=== What you have to do ===
Print exactly those lines that run from the beginning of the data to the line bearing "#143=IFCINDEXEDPOLYGONALFACE((2,6,8,4));", inclusive.

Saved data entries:
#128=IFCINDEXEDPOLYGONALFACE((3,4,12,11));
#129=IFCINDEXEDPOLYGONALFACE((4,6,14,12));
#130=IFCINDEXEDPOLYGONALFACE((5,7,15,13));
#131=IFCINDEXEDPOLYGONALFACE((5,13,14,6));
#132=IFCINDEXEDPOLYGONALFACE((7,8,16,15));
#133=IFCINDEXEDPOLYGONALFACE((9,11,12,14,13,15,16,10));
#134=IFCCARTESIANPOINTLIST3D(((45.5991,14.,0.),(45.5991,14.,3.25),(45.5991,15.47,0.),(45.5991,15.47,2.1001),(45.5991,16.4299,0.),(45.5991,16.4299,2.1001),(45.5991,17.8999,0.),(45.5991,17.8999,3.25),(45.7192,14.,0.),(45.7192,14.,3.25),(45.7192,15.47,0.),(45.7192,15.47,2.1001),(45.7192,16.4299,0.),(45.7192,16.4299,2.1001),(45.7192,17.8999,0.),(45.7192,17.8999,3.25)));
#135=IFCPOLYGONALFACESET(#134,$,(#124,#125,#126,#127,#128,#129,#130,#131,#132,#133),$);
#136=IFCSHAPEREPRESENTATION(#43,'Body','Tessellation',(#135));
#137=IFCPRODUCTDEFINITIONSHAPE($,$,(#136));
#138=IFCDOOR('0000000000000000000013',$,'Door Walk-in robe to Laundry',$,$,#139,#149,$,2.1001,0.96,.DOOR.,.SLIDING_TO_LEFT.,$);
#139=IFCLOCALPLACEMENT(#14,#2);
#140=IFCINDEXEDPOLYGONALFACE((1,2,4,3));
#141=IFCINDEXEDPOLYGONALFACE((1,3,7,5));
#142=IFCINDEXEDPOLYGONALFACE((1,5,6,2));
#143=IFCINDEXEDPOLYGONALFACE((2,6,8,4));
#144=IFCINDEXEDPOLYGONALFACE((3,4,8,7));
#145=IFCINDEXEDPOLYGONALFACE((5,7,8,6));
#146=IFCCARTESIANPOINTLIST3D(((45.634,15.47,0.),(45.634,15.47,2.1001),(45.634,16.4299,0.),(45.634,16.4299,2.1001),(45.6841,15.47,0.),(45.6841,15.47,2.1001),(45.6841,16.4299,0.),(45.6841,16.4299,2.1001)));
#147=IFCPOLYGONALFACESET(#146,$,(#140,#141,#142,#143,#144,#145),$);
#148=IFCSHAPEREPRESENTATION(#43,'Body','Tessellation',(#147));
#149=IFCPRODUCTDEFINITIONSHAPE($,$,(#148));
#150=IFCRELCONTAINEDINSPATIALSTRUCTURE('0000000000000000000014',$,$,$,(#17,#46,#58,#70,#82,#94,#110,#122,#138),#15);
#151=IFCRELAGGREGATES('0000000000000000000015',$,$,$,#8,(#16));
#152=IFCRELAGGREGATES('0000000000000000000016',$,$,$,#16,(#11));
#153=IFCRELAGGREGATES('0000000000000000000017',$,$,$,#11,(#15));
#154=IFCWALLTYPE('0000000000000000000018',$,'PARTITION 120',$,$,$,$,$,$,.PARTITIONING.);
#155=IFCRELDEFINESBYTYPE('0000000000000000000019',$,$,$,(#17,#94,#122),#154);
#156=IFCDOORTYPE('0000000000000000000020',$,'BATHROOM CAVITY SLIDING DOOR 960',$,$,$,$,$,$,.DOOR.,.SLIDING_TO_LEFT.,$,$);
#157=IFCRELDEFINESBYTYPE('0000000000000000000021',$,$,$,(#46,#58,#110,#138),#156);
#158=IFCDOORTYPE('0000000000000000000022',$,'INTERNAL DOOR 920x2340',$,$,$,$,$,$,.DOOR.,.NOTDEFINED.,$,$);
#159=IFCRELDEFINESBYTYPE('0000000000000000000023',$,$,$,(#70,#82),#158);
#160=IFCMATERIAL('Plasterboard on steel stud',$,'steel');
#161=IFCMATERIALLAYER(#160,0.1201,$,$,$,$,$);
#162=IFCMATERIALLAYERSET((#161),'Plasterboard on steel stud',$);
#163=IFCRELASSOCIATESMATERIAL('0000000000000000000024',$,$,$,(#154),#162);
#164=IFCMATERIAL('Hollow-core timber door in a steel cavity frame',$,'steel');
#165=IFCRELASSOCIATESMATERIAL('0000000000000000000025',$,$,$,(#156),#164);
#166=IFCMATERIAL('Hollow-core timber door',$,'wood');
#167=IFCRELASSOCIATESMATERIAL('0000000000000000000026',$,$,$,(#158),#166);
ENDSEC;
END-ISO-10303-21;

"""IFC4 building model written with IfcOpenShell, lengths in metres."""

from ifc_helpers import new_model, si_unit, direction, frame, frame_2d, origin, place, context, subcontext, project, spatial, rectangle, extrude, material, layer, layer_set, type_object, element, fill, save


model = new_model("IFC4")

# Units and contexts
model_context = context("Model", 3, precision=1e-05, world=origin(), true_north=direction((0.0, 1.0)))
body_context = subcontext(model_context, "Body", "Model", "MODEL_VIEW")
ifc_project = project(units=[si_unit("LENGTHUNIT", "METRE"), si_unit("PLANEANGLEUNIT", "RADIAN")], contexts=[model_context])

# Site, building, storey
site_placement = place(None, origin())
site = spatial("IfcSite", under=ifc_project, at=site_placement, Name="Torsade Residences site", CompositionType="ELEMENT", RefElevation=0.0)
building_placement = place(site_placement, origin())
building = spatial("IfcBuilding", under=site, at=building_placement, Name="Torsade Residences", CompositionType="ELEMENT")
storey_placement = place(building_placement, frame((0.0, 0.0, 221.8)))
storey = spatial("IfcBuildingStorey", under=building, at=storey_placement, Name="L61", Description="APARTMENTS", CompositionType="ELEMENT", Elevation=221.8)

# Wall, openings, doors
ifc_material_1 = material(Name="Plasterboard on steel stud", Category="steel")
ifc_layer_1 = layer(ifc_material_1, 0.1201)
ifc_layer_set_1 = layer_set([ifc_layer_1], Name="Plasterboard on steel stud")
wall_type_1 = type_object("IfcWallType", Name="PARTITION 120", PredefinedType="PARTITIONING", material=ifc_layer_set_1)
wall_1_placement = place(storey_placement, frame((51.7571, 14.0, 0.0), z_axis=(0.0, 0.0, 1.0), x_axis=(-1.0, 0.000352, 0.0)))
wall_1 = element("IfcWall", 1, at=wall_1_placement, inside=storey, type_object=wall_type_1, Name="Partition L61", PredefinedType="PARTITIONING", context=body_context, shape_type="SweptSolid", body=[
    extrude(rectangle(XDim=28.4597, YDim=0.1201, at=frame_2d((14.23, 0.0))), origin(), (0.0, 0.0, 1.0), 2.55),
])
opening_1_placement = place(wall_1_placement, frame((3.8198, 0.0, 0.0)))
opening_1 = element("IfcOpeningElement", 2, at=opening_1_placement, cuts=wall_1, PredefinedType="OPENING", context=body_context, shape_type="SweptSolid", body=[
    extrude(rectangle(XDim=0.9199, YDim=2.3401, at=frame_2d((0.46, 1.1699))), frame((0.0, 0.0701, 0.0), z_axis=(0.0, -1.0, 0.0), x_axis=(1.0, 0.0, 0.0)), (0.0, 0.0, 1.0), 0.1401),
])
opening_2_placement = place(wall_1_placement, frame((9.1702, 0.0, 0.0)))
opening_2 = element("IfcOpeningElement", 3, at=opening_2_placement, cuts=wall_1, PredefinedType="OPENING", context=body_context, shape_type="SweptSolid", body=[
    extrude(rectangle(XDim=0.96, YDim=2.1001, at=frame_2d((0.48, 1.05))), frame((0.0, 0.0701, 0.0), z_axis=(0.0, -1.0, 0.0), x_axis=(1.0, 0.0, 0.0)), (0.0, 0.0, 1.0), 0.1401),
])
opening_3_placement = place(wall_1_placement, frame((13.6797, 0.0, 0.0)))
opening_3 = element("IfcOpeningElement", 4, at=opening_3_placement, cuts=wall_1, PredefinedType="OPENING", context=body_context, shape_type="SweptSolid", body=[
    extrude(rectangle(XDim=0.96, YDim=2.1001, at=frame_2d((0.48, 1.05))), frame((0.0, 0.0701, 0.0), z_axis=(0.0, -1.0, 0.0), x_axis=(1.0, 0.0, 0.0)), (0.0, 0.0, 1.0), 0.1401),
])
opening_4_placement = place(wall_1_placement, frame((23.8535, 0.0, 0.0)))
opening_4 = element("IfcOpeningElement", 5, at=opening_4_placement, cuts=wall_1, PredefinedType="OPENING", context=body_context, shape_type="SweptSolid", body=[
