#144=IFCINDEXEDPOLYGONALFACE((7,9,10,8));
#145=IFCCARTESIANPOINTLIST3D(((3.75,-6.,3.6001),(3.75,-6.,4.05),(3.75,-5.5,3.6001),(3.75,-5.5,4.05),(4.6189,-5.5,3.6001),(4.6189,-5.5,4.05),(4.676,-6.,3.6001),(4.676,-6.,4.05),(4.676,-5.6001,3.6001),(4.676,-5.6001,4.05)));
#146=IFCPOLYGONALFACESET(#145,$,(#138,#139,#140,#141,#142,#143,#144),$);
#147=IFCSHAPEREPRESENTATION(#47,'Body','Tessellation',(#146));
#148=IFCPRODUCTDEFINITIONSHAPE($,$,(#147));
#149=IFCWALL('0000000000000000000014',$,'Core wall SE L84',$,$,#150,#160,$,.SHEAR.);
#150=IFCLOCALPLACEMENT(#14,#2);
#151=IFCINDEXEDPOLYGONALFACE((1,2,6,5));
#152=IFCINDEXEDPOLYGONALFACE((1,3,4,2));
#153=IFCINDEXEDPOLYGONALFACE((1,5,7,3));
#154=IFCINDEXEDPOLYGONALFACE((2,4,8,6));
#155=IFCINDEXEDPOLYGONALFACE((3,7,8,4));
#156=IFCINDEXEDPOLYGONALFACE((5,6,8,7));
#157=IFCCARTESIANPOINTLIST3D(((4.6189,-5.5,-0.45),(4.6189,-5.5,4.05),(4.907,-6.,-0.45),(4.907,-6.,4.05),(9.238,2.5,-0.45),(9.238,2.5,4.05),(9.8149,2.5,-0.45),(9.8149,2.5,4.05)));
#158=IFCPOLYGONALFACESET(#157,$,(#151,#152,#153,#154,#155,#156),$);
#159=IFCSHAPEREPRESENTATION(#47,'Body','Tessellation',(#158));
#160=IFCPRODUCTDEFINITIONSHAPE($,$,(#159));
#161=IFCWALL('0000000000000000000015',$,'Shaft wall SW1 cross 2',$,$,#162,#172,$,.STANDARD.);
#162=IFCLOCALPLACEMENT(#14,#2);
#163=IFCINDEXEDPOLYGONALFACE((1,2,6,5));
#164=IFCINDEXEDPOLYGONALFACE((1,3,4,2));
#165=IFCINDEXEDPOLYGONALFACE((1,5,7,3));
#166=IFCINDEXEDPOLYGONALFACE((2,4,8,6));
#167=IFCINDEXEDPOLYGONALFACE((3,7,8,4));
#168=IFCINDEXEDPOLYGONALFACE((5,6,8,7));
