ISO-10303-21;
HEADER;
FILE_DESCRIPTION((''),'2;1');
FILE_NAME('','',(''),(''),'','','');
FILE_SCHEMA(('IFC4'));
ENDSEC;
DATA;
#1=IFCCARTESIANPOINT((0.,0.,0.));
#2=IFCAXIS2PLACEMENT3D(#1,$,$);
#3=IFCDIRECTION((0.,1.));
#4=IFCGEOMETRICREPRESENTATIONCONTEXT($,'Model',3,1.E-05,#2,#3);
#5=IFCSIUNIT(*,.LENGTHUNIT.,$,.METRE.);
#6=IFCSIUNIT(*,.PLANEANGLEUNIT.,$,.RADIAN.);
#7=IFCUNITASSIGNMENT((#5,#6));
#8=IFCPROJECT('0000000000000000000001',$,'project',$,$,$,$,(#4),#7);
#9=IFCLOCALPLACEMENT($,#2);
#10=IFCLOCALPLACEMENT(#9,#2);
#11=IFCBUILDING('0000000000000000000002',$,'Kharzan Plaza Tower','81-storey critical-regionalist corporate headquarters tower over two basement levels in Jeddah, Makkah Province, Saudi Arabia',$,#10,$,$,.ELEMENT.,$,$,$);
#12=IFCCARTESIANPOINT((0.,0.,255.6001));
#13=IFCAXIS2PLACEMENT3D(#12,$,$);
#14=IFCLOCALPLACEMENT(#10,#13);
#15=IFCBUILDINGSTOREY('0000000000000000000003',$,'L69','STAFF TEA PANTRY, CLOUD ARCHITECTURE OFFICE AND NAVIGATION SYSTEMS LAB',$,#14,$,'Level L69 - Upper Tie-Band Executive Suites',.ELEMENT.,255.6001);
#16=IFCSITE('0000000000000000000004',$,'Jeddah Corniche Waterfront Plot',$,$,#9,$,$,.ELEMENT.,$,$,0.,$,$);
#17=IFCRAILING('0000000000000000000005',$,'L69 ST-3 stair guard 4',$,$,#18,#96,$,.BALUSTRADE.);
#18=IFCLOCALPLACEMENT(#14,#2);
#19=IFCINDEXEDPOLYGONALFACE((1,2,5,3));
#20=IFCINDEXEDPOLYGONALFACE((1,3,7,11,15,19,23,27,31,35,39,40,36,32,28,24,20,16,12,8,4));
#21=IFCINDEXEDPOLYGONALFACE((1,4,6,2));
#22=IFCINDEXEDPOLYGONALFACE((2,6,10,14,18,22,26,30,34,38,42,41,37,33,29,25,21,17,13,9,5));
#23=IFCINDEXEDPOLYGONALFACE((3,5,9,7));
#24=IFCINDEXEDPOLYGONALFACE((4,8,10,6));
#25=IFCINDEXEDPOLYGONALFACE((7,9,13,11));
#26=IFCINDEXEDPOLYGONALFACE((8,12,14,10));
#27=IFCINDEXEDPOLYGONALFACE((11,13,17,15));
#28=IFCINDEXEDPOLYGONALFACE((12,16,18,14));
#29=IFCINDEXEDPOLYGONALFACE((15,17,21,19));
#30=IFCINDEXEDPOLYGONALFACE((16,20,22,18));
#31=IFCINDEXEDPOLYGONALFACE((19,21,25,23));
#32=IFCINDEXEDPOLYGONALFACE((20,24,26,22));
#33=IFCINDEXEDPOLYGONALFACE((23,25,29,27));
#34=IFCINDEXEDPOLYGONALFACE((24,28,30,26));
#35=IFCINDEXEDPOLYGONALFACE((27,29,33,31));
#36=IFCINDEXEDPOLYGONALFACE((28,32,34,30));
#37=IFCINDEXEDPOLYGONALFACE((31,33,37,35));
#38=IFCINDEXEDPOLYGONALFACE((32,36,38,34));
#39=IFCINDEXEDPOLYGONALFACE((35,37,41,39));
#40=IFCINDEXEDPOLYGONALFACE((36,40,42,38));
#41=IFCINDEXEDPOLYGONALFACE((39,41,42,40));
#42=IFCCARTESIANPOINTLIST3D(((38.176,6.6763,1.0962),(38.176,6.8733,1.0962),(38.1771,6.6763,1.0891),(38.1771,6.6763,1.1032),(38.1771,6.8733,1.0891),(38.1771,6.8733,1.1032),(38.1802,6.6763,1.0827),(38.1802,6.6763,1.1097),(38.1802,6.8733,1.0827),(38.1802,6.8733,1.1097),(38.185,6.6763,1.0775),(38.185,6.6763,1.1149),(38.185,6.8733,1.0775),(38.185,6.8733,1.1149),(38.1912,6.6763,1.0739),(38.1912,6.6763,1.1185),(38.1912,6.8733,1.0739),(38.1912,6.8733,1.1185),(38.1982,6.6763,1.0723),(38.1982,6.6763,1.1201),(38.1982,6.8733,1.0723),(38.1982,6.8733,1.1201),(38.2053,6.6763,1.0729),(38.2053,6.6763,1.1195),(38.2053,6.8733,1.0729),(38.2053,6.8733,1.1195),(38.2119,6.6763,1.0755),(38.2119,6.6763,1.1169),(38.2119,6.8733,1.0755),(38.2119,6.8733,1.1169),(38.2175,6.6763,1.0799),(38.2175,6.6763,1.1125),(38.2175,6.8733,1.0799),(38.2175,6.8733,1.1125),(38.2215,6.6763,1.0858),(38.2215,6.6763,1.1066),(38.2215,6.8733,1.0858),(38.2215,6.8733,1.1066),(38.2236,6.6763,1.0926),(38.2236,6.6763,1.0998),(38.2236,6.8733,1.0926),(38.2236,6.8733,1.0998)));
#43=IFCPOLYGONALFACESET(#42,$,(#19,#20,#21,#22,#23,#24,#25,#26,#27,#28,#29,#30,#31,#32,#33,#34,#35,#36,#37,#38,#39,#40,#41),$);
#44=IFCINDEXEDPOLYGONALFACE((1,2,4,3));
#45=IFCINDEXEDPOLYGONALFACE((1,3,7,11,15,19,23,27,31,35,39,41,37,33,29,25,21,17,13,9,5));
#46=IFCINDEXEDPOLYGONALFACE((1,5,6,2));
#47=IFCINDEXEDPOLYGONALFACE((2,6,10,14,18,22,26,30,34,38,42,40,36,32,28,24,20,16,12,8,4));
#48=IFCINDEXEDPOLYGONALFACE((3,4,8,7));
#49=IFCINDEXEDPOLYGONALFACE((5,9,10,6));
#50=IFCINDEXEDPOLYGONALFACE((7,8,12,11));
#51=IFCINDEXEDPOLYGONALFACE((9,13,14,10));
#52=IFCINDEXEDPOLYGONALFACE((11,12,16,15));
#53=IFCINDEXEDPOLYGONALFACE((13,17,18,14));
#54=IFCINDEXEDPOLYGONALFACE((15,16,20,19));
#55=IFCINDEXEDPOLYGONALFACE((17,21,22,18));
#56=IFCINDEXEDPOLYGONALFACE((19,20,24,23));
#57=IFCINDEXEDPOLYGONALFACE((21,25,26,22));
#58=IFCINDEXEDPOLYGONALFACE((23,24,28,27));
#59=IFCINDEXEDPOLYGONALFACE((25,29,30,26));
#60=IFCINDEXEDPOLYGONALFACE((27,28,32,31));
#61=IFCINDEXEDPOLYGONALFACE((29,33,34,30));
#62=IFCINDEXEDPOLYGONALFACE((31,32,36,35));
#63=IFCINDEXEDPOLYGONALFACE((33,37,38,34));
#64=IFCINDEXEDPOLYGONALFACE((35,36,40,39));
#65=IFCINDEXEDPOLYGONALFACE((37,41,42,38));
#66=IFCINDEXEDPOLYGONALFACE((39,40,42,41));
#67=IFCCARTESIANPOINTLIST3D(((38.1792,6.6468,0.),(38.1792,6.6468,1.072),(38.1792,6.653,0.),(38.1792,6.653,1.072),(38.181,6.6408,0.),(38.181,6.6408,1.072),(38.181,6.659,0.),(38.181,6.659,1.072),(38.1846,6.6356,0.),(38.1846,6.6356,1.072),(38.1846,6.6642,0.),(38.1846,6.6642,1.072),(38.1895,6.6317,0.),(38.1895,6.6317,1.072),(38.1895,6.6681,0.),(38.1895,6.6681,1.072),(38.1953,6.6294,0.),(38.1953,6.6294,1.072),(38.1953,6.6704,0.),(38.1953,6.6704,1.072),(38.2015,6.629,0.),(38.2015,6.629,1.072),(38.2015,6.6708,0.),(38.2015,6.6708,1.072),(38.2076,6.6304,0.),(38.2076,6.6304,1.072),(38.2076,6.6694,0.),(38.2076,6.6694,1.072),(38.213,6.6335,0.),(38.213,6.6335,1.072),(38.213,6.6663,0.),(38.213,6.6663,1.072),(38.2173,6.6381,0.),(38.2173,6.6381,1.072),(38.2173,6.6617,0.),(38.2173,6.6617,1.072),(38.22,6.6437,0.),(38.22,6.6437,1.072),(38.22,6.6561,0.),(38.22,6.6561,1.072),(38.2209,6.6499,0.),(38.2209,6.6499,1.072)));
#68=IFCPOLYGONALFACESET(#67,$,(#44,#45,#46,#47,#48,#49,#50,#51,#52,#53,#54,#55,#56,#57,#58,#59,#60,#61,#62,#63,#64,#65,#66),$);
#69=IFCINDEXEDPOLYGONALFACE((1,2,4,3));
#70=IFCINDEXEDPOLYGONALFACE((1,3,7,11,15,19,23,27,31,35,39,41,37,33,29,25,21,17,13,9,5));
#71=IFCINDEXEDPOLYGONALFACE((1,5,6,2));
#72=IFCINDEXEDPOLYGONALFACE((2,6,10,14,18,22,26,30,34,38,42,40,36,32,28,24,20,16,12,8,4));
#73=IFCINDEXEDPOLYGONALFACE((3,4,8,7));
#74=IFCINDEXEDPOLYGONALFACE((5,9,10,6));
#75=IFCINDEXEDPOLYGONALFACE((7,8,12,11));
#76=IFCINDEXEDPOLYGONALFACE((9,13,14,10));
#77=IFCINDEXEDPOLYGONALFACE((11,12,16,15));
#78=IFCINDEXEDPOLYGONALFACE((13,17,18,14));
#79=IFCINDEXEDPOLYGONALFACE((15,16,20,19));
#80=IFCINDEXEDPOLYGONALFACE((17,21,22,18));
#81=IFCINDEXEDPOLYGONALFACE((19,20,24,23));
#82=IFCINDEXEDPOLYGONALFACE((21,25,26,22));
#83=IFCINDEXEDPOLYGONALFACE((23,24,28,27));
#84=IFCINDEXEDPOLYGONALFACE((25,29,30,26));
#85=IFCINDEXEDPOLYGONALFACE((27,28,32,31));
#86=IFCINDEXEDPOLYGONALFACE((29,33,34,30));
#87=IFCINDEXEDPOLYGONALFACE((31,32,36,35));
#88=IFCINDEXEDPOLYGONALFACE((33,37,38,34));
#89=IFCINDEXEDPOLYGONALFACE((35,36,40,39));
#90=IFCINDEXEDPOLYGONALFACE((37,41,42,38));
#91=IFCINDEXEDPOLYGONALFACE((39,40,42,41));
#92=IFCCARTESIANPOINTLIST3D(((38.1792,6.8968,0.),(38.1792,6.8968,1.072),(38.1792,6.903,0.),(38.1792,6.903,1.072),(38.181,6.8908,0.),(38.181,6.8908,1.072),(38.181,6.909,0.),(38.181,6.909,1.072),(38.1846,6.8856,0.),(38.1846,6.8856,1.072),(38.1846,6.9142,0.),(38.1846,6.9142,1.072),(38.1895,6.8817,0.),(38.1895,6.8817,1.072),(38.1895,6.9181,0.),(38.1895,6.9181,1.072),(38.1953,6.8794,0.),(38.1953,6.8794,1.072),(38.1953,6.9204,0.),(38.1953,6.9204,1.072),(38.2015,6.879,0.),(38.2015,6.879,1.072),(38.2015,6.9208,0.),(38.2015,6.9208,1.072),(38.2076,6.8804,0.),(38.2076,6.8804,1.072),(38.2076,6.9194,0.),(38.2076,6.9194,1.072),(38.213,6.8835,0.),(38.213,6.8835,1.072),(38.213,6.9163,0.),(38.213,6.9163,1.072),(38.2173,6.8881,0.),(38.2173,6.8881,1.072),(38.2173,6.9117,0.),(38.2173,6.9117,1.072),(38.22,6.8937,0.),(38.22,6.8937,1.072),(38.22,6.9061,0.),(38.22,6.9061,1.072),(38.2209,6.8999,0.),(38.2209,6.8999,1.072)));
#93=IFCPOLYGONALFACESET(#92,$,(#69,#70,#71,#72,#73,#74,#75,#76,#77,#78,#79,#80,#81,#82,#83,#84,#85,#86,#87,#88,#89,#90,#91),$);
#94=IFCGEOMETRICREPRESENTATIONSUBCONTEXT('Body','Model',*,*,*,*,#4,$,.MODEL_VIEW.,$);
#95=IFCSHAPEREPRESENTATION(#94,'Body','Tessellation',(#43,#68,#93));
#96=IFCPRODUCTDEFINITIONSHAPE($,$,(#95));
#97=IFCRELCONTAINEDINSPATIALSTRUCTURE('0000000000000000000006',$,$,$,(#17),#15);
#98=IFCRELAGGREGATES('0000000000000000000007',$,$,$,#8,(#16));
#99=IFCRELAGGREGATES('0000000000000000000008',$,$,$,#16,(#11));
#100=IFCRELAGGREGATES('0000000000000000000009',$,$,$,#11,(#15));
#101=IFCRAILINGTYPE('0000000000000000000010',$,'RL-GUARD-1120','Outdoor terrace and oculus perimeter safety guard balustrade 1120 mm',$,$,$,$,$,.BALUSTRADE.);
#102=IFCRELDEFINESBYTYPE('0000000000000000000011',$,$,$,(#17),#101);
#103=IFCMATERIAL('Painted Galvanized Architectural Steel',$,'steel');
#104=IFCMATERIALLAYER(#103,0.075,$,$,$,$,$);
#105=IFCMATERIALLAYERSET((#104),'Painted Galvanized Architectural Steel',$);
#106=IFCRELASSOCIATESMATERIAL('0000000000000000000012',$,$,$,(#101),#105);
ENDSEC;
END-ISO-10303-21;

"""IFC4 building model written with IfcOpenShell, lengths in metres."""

from ifc_helpers import new_model, si_unit, direction, frame, origin, origin_2d, place, context, subcontext, project, spatial, circle, extrude, source, transform, mapped, material, layer, layer_set, type_object, element, save


model = new_model("IFC4")

# Units and contexts
model_context = context("Model", 3, precision=1e-05, world=origin(), true_north=direction((0.0, 1.0)))
body_context = subcontext(model_context, "Body", "Model", "MODEL_VIEW")
ifc_project = project(units=[si_unit("LENGTHUNIT", "METRE"), si_unit("PLANEANGLEUNIT", "RADIAN")], contexts=[model_context])

# Site, building, storey
site_placement = place(None, origin())
site = spatial("IfcSite", under=ifc_project, at=site_placement, Name="Jeddah Corniche Waterfront Plot", CompositionType="ELEMENT", RefElevation=0.0)
building_placement = place(site_placement, origin())
building = spatial("IfcBuilding", under=site, at=building_placement, Name="Kharzan Plaza Tower", Description="81-storey critical-regionalist corporate headquarters tower over two basement levels in Jeddah, Makkah Province, Saudi Arabia", CompositionType="ELEMENT")
storey_placement = place(building_placement, frame((0.0, 0.0, 255.6001)))
storey = spatial("IfcBuildingStorey", under=building, at=storey_placement, Name="L69", Description="STAFF TEA PANTRY, CLOUD ARCHITECTURE OFFICE AND NAVIGATION SYSTEMS LAB", LongName="Level L69 - Upper Tie-Band Executive Suites", CompositionType="ELEMENT", Elevation=255.6001)

# Railing
ifc_material_1 = material(Name="Painted Galvanized Architectural Steel", Category="steel")
ifc_layer_1 = layer(ifc_material_1, 0.075)
ifc_layer_set_1 = layer_set([ifc_layer_1], Name="Painted Galvanized Architectural Steel")
railing_type_1 = type_object("IfcRailingType", Name="RL-GUARD-1120", Description="Outdoor terrace and oculus perimeter safety guard balustrade 1120 mm", PredefinedType="BALUSTRADE", material=ifc_layer_set_1)
shared_shape_1 = source(origin(), body_context, "Body", "SweptSolid", [
    extrude(circle(Radius=0.0239, at=origin_2d()), frame((0.0, 0.0264, 1.0962), z_axis=(0.0, 1.0, 0.0), x_axis=(-1.0, 0.0, 0.0)), (0.0, 0.0, 1.0), 0.197),
    extrude(circle(Radius=0.021, at=origin_2d()), origin(), (0.0, 0.0, 1.0), 1.072),
    extrude(circle(Radius=0.021, at=origin_2d()), frame((0.0, 0.25, 0.0)), (0.0, 0.0, 1.0), 1.072),
])
for number, where, name in (
    (1, (38.2, 6.6499, 0.0), "L69 ST-3 stair guard 4"),
):
    element("IfcRailing", number, at=place(storey_placement, frame(where)), inside=storey, type_object=railing_type_1, Name=name, PredefinedType="BALUSTRADE", context=body_context, shape_type="MappedRepresentation", body=[
        mapped(shared_shape_1, transform((0.0, 0.0, 0.0), x_axis=(1.0, 0.0, 0.0), y_axis=(0.0, 1.0, 0.0), z_axis=(0.0, 0.0, 1.0))),
    ])

save(model, "model.ifc")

=== Written response ===
#128=IFCINDEXEDPOLYGONALFACE((3,4,12,11));
#129=IFCINDEXEDPOLYGONALFACE((4,6,14,12));
#130=IFCINDEXEDPOLYGONALFACE((5,7,15,13));
#131=IFCINDEXEDPOLYGONALFACE((5,13,14,6));
#132=IFCINDEXEDPOLYGONALFACE((7,8,16,15));
#133=IFCINDEXEDPOLYGONALFACE((9,11,12,14,13,15,16,10));
#134=IFCCARTESIANPOINTLIST3D(((45.5991,14.,0.),(45.5991,14.,3.25),(45.5991,15.47,0.),(45.5991,15.47,2.1001),(45.5991,16.4299,0.),(45.5991,16.4299,2.1001),(45.5991,17.8999,0.),(45.5991,17.8999,3.25),(45.7192,14.,0.),(45.7192,14.,3.25),(45.7192,15.47,0.),(45.7192,15.47,2.1001),(45.7192,16.4299,0.),(45.7192,16.4299,2.1001),(45.7192,17.8999,0.),(45.7192,17.8999,3.25)));
#135=IFCPOLYGONALFACESET(#134,$,(#124,#125,#126,#127,#128,#129,#130,#131,#132,#133),$);
#136=IFCSHAPEREPRESENTATION(#43,'Body','Tessellation',(#135));
#137=IFCPRODUCTDEFINITIONSHAPE($,$,(#136));
#138=IFCDOOR('0000000000000000000013',$,'Door Walk-in robe to Laundry',$,$,#139,#149,$,2.1001,0.96,.DOOR.,.SLIDING_TO_LEFT.,$);
#139=IFCLOCALPLACEMENT(#14,#2);
#140=IFCINDEXEDPOLYGONALFACE((1,2,4,3));
#141=IFCINDEXEDPOLYGONALFACE((1,3,7,5));
#142=IFCINDEXEDPOLYGONALFACE((1,5,6,2));
#143=IFCINDEXEDPOLYGONALFACE((2,6,8,4));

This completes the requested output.